╔══

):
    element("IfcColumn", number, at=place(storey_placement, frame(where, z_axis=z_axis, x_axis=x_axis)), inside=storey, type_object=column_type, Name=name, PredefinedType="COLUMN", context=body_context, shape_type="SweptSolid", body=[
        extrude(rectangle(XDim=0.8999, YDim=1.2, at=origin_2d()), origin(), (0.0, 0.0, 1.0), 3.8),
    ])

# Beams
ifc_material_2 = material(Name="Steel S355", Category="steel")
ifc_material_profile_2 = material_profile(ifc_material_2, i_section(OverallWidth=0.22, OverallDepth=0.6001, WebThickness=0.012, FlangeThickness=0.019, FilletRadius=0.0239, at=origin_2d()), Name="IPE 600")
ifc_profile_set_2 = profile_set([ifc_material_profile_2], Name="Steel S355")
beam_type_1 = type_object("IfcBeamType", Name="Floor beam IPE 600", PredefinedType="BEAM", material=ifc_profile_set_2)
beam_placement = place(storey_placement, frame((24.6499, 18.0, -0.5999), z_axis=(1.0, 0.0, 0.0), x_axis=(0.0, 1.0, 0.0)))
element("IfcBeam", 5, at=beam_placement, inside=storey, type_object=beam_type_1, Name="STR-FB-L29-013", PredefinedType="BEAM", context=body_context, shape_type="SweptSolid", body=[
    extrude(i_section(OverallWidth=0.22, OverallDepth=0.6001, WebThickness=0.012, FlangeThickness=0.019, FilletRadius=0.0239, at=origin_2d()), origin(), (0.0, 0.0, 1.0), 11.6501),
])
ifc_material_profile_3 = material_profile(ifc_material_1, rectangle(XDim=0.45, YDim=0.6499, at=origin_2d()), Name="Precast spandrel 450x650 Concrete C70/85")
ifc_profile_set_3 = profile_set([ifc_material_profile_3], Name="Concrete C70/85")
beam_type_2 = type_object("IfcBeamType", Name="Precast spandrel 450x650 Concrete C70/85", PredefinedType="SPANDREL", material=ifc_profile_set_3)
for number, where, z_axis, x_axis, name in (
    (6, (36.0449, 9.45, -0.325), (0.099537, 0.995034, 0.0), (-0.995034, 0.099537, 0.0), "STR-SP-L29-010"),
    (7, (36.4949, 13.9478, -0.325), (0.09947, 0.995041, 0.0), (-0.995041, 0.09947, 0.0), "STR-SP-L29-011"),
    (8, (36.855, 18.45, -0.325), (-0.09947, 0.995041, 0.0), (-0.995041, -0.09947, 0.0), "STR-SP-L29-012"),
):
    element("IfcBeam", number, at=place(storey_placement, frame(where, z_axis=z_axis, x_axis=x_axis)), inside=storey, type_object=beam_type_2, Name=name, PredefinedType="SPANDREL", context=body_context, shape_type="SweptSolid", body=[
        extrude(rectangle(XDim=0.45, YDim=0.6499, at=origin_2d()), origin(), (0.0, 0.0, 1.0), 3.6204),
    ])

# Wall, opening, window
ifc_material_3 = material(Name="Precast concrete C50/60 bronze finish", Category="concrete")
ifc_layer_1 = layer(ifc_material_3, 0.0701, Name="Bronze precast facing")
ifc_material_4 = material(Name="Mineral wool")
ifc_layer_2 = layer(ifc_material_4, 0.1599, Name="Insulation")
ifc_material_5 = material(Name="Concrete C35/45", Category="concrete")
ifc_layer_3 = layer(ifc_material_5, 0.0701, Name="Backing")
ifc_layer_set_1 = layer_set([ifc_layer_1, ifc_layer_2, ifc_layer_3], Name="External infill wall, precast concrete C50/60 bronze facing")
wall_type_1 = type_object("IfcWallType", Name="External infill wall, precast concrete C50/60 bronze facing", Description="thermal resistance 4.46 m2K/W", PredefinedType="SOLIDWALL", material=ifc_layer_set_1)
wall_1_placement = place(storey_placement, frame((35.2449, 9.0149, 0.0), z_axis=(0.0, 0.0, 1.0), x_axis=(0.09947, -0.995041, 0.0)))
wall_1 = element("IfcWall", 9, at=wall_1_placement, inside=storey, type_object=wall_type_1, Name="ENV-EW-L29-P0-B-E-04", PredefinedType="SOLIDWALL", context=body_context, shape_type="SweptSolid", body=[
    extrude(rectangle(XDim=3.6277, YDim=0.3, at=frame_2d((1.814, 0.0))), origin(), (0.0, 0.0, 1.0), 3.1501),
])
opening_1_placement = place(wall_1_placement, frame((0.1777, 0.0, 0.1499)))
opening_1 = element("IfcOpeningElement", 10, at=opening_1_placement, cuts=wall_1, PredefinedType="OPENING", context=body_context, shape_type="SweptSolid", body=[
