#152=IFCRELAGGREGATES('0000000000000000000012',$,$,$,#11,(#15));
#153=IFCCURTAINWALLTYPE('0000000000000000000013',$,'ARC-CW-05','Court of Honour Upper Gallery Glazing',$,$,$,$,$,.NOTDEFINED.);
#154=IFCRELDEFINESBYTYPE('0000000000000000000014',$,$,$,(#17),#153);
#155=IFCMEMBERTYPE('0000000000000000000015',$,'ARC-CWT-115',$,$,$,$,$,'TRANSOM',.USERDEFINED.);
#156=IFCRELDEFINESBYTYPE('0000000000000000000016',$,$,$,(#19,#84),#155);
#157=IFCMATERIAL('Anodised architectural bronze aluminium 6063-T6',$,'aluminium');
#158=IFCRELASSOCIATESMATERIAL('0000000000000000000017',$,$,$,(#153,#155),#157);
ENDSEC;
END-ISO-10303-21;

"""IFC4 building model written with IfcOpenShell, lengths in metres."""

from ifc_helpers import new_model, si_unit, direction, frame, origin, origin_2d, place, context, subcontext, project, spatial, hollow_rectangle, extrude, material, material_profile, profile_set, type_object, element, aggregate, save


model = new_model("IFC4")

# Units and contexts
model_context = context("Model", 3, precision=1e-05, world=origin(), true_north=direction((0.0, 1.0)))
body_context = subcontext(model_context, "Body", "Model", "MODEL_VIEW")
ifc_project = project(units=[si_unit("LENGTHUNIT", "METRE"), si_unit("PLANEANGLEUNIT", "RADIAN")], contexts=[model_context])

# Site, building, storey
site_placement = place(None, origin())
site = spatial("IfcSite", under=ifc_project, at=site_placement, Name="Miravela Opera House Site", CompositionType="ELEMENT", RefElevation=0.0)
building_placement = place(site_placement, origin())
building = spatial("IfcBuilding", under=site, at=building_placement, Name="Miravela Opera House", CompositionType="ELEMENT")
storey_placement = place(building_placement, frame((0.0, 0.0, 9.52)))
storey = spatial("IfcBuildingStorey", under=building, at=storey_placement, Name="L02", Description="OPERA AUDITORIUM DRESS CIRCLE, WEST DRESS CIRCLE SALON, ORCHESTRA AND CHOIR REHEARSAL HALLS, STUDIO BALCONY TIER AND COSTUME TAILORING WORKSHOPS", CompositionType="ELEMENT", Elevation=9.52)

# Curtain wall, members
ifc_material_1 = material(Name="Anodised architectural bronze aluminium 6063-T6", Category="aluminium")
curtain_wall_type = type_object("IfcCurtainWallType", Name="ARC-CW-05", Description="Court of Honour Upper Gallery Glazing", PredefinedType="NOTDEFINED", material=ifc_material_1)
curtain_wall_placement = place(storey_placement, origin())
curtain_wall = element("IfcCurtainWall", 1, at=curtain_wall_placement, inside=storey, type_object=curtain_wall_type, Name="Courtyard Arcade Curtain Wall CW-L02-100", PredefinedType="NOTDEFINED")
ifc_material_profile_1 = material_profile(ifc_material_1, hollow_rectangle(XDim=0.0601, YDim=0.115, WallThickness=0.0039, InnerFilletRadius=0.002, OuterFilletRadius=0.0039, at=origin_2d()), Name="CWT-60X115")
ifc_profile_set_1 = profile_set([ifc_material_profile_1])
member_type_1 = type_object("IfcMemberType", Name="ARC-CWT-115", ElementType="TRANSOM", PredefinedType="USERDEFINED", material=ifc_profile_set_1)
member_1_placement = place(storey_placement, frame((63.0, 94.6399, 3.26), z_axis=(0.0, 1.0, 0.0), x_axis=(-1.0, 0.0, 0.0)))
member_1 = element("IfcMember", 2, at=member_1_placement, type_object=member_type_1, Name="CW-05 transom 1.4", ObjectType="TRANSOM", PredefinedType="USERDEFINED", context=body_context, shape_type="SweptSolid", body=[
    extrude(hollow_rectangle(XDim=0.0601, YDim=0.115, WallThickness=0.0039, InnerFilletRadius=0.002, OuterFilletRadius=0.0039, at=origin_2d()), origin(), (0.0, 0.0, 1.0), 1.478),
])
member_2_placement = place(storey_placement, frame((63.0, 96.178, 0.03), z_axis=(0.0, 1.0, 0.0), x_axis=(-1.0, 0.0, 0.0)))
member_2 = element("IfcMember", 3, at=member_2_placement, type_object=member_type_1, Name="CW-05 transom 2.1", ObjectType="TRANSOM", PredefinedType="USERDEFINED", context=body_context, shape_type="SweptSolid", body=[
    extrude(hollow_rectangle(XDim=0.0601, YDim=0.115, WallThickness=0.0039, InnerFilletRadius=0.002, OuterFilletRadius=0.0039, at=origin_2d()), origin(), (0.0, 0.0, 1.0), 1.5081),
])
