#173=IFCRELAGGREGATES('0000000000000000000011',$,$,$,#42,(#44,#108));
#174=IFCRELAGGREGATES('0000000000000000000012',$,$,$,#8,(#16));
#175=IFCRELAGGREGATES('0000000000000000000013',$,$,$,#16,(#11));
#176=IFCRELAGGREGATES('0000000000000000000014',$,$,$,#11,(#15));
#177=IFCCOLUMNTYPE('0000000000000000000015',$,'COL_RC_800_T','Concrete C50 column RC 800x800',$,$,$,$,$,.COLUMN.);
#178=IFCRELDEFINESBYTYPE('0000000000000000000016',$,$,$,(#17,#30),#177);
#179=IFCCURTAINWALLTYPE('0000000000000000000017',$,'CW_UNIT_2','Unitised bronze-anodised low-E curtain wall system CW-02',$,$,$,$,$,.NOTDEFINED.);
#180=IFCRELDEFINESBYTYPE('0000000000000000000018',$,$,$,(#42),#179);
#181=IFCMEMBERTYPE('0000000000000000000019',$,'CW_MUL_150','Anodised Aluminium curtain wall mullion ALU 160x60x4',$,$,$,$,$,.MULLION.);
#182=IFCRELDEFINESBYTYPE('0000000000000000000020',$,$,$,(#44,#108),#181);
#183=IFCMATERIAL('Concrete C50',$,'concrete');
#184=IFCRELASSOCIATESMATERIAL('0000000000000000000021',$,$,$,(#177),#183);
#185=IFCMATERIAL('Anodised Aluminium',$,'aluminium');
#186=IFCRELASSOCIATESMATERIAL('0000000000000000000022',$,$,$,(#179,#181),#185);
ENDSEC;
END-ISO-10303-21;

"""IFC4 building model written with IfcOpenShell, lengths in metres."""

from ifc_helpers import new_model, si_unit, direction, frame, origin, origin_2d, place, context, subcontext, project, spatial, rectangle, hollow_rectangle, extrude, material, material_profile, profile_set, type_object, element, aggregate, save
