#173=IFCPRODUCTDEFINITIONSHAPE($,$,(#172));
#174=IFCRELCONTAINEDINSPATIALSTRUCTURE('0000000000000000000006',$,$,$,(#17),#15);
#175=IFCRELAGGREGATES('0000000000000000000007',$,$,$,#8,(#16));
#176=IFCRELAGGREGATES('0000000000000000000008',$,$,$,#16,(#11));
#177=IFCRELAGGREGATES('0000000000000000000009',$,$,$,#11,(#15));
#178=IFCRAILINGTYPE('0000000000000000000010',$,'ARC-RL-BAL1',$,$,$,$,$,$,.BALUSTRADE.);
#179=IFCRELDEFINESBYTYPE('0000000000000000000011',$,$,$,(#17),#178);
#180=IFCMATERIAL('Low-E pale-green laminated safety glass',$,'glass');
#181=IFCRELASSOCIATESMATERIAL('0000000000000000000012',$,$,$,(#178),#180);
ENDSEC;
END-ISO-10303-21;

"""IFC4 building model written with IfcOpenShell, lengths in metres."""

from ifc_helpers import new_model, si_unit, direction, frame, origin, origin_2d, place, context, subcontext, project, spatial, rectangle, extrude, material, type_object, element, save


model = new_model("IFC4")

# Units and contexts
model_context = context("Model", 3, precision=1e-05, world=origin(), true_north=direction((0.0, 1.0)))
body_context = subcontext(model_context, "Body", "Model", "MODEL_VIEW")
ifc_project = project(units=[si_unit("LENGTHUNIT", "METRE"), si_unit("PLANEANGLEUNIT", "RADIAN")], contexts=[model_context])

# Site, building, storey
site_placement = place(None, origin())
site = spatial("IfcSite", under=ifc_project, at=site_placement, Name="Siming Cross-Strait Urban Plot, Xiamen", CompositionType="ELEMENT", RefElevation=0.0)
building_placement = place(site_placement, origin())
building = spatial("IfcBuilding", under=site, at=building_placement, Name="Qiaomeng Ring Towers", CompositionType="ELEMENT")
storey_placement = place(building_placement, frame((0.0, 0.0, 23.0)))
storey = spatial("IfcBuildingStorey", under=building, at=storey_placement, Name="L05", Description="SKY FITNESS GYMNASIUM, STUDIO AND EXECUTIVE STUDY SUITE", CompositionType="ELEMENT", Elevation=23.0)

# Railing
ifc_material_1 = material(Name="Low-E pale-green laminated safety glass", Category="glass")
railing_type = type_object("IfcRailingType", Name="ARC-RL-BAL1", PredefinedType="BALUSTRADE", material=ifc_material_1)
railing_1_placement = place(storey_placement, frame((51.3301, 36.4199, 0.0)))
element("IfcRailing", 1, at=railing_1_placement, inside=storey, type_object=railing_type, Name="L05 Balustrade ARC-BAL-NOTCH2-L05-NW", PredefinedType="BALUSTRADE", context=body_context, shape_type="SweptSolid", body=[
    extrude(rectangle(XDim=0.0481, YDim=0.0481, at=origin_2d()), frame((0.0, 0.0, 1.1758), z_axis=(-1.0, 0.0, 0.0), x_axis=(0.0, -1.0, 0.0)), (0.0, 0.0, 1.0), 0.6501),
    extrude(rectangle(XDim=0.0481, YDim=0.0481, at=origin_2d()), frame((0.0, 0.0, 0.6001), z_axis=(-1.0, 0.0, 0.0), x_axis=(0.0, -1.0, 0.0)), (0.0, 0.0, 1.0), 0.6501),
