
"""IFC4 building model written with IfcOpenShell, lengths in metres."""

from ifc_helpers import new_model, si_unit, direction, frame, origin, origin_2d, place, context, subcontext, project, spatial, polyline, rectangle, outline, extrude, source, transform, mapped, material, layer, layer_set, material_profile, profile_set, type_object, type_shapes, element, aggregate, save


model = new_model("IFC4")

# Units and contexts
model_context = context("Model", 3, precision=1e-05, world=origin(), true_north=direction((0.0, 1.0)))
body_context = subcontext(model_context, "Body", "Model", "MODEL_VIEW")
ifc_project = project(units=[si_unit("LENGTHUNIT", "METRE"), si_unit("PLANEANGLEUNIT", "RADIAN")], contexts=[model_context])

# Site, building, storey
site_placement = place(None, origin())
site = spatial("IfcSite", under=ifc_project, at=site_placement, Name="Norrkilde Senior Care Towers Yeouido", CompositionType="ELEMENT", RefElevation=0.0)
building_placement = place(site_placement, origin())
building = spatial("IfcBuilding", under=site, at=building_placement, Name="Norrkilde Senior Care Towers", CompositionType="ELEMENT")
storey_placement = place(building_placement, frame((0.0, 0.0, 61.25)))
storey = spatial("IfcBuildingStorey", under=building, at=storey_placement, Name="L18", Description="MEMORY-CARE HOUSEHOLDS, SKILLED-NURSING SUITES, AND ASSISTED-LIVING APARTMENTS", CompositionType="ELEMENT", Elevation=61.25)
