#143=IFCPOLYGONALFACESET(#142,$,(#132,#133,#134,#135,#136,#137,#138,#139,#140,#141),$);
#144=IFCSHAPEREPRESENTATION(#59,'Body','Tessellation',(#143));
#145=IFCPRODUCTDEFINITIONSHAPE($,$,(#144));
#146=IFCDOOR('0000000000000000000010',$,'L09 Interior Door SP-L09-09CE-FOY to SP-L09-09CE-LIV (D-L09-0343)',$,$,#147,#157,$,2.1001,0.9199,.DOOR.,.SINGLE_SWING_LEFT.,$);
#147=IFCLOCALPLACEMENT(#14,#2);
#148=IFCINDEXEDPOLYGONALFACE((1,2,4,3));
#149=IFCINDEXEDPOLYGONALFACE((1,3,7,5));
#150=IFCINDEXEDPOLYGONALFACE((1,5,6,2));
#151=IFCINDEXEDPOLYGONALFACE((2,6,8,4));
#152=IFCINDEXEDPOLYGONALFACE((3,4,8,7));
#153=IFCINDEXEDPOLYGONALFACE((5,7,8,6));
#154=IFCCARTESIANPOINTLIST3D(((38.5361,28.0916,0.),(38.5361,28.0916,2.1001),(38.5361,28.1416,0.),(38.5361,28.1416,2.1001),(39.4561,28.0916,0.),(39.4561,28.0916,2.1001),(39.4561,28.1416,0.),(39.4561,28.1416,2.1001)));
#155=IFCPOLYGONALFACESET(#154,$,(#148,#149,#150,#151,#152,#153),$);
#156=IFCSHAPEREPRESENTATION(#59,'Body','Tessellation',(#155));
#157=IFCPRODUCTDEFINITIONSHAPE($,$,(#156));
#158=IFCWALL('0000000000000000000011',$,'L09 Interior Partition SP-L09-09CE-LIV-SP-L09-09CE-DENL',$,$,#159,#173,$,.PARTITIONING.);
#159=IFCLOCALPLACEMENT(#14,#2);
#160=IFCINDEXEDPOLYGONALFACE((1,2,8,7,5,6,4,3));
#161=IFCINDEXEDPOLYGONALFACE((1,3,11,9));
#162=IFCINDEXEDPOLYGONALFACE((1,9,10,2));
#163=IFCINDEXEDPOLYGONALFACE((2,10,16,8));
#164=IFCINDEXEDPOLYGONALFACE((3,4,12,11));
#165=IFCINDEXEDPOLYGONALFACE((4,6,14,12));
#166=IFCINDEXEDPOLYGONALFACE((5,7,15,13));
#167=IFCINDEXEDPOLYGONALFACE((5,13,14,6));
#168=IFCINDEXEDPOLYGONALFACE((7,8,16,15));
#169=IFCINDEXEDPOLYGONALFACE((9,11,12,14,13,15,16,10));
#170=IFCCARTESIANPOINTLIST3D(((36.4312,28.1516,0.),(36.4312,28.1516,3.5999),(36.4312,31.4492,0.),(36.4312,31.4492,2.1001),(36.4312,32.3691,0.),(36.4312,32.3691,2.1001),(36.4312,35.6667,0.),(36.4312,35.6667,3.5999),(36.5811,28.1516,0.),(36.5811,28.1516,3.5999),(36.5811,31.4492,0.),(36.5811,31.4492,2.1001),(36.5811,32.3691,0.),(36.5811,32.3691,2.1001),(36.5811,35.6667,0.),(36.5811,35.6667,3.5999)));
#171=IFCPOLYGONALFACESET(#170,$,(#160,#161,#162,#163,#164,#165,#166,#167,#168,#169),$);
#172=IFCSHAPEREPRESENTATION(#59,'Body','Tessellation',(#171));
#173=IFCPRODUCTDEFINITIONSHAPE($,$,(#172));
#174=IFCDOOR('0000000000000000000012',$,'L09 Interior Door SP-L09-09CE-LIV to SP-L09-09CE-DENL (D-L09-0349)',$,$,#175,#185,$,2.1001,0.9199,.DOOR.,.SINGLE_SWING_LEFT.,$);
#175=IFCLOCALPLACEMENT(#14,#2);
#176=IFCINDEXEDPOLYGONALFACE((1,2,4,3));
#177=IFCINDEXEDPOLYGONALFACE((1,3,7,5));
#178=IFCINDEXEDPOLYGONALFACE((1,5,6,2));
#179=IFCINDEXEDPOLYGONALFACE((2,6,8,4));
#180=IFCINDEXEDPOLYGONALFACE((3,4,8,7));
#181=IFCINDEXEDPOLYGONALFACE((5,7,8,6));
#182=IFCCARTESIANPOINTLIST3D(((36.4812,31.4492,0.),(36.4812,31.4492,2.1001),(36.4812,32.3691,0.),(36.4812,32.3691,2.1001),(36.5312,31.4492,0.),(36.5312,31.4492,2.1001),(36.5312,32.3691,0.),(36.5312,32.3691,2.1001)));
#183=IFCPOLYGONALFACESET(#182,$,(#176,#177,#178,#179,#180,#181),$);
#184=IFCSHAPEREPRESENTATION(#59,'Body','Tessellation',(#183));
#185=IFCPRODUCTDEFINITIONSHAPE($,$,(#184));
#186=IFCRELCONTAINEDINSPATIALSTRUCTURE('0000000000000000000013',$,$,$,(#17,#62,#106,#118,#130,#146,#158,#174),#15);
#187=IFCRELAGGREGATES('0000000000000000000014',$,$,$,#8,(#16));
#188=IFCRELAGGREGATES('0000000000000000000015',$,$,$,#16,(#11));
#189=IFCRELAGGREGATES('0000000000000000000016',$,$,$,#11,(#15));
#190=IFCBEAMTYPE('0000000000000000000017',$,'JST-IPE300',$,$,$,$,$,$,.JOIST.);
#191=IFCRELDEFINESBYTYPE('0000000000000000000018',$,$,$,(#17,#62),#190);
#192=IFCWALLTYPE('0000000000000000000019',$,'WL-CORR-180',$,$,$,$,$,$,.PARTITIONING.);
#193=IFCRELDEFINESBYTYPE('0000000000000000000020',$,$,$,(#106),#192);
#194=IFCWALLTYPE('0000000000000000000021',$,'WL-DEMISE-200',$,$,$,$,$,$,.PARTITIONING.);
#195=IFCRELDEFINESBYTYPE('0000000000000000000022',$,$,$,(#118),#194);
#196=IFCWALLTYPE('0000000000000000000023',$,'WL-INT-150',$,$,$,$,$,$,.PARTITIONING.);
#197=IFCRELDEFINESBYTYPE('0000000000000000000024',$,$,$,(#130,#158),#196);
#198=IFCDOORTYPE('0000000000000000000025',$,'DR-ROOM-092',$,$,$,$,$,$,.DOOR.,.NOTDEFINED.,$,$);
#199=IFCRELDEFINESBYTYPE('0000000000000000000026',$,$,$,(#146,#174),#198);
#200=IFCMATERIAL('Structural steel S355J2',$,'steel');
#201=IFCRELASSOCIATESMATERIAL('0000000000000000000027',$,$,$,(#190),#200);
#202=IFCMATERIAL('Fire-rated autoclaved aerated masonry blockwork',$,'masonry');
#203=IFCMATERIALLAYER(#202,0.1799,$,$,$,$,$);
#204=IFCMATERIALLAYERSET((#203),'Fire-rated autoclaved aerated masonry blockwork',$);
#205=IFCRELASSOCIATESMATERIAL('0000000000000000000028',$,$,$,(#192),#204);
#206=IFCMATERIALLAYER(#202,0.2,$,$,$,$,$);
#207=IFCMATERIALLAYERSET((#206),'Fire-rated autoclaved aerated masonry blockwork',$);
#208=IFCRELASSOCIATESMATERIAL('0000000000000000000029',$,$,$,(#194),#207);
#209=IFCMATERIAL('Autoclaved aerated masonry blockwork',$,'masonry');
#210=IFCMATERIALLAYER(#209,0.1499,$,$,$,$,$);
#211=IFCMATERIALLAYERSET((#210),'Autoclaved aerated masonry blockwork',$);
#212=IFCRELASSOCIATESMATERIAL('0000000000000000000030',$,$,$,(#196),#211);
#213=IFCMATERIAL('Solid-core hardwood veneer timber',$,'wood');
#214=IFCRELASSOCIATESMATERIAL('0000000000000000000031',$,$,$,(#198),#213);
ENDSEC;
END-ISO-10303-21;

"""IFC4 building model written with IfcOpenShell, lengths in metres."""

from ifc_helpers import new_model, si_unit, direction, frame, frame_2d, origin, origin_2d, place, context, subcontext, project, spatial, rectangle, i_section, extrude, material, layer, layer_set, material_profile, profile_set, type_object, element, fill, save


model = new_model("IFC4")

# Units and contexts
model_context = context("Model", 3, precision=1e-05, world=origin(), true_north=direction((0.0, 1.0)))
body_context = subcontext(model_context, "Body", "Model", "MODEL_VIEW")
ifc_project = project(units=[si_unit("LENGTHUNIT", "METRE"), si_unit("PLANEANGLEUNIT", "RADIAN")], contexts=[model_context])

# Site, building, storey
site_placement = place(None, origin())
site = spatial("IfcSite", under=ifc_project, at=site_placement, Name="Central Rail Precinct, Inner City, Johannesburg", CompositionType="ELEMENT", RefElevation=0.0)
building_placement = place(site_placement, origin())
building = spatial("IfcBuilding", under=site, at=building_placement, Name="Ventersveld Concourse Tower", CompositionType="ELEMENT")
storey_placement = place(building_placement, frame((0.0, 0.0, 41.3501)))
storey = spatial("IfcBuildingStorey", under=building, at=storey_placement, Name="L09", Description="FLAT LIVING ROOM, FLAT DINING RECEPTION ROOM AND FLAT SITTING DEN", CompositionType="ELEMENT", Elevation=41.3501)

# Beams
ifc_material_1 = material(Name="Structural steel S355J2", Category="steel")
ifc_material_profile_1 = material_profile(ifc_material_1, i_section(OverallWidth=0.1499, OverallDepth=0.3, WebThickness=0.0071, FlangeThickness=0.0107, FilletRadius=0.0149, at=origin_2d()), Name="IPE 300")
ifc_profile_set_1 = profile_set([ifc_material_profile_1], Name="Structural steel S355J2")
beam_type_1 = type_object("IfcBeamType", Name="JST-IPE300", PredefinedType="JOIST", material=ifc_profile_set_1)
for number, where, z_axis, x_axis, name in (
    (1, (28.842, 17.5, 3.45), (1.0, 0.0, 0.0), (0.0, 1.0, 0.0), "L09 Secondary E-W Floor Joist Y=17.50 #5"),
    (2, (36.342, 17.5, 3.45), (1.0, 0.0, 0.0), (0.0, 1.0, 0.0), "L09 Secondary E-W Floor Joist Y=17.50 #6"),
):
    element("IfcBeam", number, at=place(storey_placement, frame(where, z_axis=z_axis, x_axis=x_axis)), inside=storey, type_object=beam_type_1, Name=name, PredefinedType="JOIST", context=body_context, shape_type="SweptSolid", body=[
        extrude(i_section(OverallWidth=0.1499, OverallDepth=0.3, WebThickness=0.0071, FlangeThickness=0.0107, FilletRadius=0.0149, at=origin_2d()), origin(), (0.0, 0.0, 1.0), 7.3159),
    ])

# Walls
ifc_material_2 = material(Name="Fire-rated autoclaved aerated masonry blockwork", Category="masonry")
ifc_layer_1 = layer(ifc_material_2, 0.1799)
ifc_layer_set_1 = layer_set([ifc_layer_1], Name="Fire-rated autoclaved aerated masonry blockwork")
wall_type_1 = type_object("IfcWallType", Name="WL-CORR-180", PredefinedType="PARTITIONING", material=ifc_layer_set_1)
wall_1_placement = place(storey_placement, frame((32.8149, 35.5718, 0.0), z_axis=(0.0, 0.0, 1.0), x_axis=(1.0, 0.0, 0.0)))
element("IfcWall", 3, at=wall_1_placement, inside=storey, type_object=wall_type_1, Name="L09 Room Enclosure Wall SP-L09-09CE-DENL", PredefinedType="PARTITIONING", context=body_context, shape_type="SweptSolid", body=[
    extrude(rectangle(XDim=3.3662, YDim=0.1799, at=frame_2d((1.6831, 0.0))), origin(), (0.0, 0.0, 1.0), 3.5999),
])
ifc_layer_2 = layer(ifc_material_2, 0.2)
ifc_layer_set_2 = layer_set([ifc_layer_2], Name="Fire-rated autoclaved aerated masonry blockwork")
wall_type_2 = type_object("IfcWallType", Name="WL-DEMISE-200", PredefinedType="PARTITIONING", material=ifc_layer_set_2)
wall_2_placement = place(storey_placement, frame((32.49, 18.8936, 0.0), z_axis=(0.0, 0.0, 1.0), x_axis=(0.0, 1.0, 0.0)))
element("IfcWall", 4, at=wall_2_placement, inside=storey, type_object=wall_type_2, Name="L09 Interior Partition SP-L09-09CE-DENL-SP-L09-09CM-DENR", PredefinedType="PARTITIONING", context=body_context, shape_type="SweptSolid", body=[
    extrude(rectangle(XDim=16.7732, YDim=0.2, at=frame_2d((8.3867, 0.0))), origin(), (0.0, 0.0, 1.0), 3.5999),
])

╚══

Each line from the one that contains "1.0), x_axis=(0.0, 1.0, 0.0)))" to the end of the data should be set down exactly, both ends included.

# RESPONSE BOX
wall_2_placement = place(storey_placement, frame((32.49, 18.8936, 0.0), z_axis=(0.0, 0.0, 1.0), x_axis=(0.0, 1.0, 0.0)))
element("IfcWall", 4, at=wall_2_placement, inside=storey, type_object=wall_type_2, Name="L09 Interior Partition SP-L09-09CE-DENL-SP-L09-09CM-DENR", PredefinedType="PARTITIONING", context=body_context, shape_type="SweptSolid", body=[
    extrude(rectangle(XDim=16.7732, YDim=0.2, at=frame_2d((8.3867, 0.0))), origin(), (0.0, 0.0, 1.0), 3.5999),
])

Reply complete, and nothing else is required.